### Recorded information

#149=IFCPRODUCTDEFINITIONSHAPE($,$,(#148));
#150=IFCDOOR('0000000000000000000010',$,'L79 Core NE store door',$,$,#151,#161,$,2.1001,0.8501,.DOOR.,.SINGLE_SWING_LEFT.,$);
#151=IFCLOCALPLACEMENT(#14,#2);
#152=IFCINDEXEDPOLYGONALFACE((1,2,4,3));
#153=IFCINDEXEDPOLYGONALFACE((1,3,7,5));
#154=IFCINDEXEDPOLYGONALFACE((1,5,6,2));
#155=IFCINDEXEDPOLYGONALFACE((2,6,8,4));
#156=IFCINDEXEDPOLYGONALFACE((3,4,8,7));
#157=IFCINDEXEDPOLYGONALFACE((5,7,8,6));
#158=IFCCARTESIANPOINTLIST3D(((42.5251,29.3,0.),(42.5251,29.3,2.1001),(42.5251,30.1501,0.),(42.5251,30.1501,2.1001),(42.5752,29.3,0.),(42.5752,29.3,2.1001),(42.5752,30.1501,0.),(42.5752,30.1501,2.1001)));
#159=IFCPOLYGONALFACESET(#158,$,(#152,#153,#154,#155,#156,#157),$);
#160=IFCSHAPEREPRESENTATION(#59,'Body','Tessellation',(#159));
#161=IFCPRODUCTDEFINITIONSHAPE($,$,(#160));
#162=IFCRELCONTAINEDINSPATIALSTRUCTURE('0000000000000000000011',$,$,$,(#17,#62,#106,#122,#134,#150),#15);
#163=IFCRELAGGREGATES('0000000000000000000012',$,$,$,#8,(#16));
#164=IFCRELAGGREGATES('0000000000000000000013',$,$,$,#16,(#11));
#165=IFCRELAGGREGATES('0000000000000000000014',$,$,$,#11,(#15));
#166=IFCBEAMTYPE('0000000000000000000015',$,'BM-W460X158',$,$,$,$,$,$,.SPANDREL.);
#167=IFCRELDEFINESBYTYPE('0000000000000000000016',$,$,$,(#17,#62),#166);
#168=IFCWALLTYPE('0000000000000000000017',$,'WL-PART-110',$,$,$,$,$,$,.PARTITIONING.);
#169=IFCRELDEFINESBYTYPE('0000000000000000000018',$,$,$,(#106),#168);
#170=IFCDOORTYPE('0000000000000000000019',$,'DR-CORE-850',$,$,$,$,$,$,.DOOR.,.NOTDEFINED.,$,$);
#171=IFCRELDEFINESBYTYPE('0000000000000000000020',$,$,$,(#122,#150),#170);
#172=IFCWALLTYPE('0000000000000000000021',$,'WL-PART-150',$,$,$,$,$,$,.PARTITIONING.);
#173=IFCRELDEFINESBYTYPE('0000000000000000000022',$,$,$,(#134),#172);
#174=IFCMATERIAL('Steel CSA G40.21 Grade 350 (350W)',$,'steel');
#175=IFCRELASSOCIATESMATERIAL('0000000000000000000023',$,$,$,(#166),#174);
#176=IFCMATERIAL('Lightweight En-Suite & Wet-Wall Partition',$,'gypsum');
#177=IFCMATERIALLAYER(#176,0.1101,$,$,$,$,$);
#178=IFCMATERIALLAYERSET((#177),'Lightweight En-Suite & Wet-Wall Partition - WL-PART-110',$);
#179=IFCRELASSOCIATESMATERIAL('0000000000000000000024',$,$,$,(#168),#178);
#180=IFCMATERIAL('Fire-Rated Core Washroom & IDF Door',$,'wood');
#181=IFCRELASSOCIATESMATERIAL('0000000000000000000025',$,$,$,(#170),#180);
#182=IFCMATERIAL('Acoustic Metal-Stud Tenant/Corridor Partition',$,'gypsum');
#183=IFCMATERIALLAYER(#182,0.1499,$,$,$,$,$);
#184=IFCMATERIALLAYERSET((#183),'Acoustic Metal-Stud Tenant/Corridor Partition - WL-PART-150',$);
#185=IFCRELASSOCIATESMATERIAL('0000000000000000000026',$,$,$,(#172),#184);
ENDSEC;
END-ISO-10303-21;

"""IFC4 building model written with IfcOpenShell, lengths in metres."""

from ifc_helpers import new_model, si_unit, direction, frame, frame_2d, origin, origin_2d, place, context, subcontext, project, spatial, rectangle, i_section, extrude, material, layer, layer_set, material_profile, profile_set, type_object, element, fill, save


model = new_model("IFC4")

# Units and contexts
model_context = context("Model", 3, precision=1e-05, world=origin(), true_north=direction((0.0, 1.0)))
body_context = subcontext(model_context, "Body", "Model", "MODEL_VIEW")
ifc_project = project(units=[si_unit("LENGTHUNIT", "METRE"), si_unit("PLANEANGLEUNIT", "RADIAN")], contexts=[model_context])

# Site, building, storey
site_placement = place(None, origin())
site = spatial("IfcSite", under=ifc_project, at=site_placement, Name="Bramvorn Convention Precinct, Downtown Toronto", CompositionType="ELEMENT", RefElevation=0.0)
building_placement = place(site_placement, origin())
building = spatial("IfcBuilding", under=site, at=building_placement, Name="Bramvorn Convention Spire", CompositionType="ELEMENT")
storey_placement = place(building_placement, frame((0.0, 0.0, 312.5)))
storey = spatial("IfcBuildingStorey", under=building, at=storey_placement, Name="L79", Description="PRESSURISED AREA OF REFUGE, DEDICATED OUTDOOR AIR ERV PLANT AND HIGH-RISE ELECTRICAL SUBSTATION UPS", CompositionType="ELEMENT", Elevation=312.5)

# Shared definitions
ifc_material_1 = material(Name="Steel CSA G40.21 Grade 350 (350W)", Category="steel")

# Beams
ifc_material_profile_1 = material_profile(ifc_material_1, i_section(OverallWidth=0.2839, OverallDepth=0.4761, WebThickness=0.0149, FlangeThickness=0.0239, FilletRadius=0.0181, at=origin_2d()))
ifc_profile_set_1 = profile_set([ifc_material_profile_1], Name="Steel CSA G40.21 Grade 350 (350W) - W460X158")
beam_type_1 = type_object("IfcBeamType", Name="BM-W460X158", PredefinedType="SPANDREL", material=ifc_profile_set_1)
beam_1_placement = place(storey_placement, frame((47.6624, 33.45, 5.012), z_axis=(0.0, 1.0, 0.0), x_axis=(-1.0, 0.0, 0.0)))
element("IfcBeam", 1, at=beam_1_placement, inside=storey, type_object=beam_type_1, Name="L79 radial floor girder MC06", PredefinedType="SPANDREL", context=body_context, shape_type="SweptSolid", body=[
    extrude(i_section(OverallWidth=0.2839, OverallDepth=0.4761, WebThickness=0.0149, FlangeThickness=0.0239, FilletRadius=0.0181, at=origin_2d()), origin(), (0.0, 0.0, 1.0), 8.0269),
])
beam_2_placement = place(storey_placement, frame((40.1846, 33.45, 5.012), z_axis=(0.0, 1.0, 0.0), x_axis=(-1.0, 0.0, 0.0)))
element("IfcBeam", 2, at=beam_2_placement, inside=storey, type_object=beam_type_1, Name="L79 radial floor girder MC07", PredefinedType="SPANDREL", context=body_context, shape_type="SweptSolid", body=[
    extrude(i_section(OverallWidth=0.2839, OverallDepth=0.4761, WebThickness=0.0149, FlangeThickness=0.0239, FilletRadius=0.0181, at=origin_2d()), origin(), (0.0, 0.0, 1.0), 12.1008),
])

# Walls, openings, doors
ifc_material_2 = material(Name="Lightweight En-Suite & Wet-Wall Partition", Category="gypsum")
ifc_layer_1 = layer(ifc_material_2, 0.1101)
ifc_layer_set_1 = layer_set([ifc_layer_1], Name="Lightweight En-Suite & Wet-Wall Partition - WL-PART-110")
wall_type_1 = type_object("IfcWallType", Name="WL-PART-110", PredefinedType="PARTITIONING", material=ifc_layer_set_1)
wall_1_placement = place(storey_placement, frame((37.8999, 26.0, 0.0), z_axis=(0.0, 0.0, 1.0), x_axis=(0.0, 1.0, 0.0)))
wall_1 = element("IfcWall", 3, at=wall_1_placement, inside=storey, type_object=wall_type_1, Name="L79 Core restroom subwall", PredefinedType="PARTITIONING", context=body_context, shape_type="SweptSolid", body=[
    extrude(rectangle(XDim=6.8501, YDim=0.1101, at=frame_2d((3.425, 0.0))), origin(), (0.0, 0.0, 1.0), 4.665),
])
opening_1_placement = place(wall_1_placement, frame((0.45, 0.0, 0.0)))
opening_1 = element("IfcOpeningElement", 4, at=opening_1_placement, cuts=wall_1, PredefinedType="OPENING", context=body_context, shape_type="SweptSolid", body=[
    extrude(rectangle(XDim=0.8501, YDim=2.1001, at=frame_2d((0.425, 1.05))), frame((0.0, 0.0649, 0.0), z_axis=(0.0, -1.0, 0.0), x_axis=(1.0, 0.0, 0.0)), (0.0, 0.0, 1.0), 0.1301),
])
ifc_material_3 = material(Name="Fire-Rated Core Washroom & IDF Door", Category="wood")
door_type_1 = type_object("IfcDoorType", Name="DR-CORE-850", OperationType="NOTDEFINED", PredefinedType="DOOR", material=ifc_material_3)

######

▶ **What you will do**
Output only an exact transcription of the lines above from the one with "#178=IFCMATERIALLAYERSET((#177),'Lightweight En-Suite &" up to and including the one with "#180=IFCMATERIAL('Fire-Rated Core Washroom".

▶ **Answer below**
#178=IFCMATERIALLAYERSET((#177),'Lightweight En-Suite & Wet-Wall Partition - WL-PART-110',$);
#179=IFCRELASSOCIATESMATERIAL('0000000000000000000024',$,$,$,(#168),#178);
#180=IFCMATERIAL('Fire-Rated Core Washroom & IDF Door',$,'wood');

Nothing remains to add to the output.